#### [Goal of the exercise]
Output the full listing below, keeping each line exact.

---- Exercise data

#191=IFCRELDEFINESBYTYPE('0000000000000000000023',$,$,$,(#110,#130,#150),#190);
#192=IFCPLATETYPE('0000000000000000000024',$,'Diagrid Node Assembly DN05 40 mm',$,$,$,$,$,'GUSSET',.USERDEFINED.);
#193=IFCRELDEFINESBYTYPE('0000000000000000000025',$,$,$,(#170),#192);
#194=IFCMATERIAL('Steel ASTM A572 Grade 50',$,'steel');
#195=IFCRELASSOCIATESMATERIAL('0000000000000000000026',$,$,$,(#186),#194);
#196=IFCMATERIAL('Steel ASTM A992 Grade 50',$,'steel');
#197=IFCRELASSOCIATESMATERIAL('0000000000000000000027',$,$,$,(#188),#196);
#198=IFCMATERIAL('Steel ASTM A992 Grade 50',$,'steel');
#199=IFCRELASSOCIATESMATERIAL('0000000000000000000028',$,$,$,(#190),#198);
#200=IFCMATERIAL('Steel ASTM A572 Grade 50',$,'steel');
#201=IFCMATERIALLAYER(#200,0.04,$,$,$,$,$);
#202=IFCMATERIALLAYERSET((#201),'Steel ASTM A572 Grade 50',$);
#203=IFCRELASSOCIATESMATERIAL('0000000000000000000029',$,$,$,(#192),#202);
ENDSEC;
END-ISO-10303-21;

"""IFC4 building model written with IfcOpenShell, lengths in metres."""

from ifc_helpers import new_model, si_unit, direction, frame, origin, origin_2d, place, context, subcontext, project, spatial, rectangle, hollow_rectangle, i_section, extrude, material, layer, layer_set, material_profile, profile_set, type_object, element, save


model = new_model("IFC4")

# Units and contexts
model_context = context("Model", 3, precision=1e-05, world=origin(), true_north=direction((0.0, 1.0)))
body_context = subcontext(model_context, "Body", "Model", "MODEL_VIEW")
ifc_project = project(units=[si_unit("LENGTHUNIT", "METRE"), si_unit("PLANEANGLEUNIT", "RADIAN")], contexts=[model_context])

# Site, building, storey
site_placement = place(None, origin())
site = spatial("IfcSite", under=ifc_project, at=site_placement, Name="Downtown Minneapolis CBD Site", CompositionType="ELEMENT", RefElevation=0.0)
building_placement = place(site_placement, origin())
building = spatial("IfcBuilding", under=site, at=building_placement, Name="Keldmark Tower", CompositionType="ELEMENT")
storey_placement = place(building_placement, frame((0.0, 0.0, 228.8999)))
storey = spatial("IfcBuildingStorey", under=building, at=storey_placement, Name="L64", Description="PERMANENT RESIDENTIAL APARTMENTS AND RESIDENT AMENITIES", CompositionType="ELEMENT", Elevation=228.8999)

--------

#### [Result for this exercise]
#191=IFCRELDEFINESBYTYPE('0000000000000000000023',$,$,$,(#110,#130,#150),#190);
#192=IFCPLATETYPE('0000000000000000000024',$,'Diagrid Node Assembly DN05 40 mm',$,$,$,$,$,'GUSSET',.USERDEFINED.);
#193=IFCRELDEFINESBYTYPE('0000000000000000000025',$,$,$,(#170),#192);
#194=IFCMATERIAL('Steel ASTM A572 Grade 50',$,'steel');
#195=IFCRELASSOCIATESMATERIAL('0000000000000000000026',$,$,$,(#186),#194);
#196=IFCMATERIAL('Steel ASTM A992 Grade 50',$,'steel');
#197=IFCRELASSOCIATESMATERIAL('0000000000000000000027',$,$,$,(#188),#196);
#198=IFCMATERIAL('Steel ASTM A992 Grade 50',$,'steel');
#199=IFCRELASSOCIATESMATERIAL('0000000000000000000028',$,$,$,(#190),#198);
#200=IFCMATERIAL('Steel ASTM A572 Grade 50',$,'steel');
#201=IFCMATERIALLAYER(#200,0.04,$,$,$,$,$);
#202=IFCMATERIALLAYERSET((#201),'Steel ASTM A572 Grade 50',$);
#203=IFCRELASSOCIATESMATERIAL('0000000000000000000029',$,$,$,(#192),#202);
ENDSEC;
END-ISO-10303-21;

"""IFC4 building model written with IfcOpenShell, lengths in metres."""

from ifc_helpers import new_model, si_unit, direction, frame, origin, origin_2d, place, context, subcontext, project, spatial, rectangle, hollow_rectangle, i_section, extrude, material, layer, layer_set, material_profile, profile_set, type_object, element, save


model = new_model("IFC4")

# Units and contexts
model_context = context("Model", 3, precision=1e-05, world=origin(), true_north=direction((0.0, 1.0)))
body_context = subcontext(model_context, "Body", "Model", "MODEL_VIEW")
ifc_project = project(units=[si_unit("LENGTHUNIT", "METRE"), si_unit("PLANEANGLEUNIT", "RADIAN")], contexts=[model_context])

# Site, building, storey
site_placement = place(None, origin())
site = spatial("IfcSite", under=ifc_project, at=site_placement, Name="Downtown Minneapolis CBD Site", CompositionType="ELEMENT", RefElevation=0.0)
building_placement = place(site_placement, origin())
building = spatial("IfcBuilding", under=site, at=building_placement, Name="Keldmark Tower", CompositionType="ELEMENT")
storey_placement = place(building_placement, frame((0.0, 0.0, 228.8999)))
storey = spatial("IfcBuildingStorey", under=building, at=storey_placement, Name="L64", Description="PERMANENT RESIDENTIAL APARTMENTS AND RESIDENT AMENITIES", CompositionType="ELEMENT", Elevation=228.8999)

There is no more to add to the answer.